• _Exercise requirements_:
Transcribe word for word the lines spanning the line with "#59=IFCINDEXEDPOLYGONALFACE((9,21,22,10));" through the end of the records.

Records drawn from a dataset
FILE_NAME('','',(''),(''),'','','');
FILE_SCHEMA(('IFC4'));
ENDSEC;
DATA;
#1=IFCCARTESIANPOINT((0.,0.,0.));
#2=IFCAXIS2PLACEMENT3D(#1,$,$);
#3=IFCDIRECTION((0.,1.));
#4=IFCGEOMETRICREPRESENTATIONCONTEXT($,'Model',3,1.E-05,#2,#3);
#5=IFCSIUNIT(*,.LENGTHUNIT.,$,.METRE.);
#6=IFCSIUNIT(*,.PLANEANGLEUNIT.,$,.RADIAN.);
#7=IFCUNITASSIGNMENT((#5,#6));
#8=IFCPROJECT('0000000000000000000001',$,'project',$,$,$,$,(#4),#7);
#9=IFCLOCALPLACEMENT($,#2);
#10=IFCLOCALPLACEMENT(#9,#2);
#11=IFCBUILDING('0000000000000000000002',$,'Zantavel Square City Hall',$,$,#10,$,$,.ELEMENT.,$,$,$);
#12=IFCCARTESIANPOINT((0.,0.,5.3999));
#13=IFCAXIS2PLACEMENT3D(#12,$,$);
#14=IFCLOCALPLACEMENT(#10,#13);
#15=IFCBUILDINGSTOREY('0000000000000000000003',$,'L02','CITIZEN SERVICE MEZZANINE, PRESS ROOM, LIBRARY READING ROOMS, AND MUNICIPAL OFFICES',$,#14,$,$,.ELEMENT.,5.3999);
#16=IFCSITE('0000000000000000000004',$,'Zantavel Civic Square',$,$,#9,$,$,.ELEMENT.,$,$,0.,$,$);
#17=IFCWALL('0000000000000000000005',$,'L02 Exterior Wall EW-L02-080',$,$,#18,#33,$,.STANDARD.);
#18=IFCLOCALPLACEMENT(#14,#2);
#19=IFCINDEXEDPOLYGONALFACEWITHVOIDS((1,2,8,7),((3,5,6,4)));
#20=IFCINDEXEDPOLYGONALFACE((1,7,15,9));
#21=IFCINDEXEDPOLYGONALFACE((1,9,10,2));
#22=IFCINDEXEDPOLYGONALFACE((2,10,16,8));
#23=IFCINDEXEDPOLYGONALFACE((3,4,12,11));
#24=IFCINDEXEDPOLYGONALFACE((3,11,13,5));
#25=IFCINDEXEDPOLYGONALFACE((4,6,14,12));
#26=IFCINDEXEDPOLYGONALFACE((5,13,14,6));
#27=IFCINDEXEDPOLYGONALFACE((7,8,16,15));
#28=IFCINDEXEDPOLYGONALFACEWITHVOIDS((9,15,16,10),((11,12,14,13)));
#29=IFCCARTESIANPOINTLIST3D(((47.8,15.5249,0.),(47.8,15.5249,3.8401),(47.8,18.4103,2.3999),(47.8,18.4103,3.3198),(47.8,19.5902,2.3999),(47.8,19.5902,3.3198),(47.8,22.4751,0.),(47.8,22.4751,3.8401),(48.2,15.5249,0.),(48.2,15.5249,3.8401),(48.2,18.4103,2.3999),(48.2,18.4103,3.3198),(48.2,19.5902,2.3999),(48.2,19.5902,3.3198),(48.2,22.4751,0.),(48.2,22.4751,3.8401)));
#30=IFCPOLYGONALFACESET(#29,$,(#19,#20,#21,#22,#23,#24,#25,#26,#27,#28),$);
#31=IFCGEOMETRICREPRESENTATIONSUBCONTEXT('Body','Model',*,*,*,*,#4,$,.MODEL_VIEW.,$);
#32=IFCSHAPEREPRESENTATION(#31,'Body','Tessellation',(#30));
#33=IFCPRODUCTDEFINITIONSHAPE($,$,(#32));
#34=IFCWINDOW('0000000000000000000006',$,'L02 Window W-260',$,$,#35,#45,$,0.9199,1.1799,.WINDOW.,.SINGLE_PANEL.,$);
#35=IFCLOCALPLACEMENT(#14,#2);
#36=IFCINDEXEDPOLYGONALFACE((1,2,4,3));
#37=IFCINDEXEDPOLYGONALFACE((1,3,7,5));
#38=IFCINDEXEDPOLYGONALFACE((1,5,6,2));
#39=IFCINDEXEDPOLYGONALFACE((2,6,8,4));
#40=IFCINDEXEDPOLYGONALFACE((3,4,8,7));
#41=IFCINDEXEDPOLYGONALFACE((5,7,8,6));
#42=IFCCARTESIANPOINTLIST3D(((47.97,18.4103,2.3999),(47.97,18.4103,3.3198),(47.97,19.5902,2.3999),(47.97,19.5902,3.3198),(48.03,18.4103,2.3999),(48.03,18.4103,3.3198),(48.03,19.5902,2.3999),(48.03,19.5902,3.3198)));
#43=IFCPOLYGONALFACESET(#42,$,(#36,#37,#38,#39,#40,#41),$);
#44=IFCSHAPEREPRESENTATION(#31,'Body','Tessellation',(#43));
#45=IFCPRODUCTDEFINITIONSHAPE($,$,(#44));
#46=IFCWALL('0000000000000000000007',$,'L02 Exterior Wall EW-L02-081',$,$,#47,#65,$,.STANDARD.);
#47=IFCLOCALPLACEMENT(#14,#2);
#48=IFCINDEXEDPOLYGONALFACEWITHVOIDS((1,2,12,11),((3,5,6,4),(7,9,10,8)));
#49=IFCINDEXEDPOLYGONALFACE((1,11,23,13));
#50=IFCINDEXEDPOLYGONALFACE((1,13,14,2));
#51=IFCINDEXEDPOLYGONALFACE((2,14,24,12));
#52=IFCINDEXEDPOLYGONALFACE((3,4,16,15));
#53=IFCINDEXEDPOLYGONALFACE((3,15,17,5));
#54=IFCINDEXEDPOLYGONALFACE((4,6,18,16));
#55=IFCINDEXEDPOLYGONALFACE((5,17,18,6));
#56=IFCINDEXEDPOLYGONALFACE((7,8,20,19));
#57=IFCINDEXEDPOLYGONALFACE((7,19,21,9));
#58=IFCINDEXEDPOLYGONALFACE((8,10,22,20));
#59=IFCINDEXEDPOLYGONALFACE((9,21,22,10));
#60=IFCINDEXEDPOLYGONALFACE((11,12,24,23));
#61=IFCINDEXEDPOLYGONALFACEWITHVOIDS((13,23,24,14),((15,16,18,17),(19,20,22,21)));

• _Response to the task_:
#59=IFCINDEXEDPOLYGONALFACE((9,21,22,10));
#60=IFCINDEXEDPOLYGONALFACE((11,12,24,23));
#61=IFCINDEXEDPOLYGONALFACEWITHVOIDS((13,23,24,14),((15,16,18,17),(19,20,22,21)));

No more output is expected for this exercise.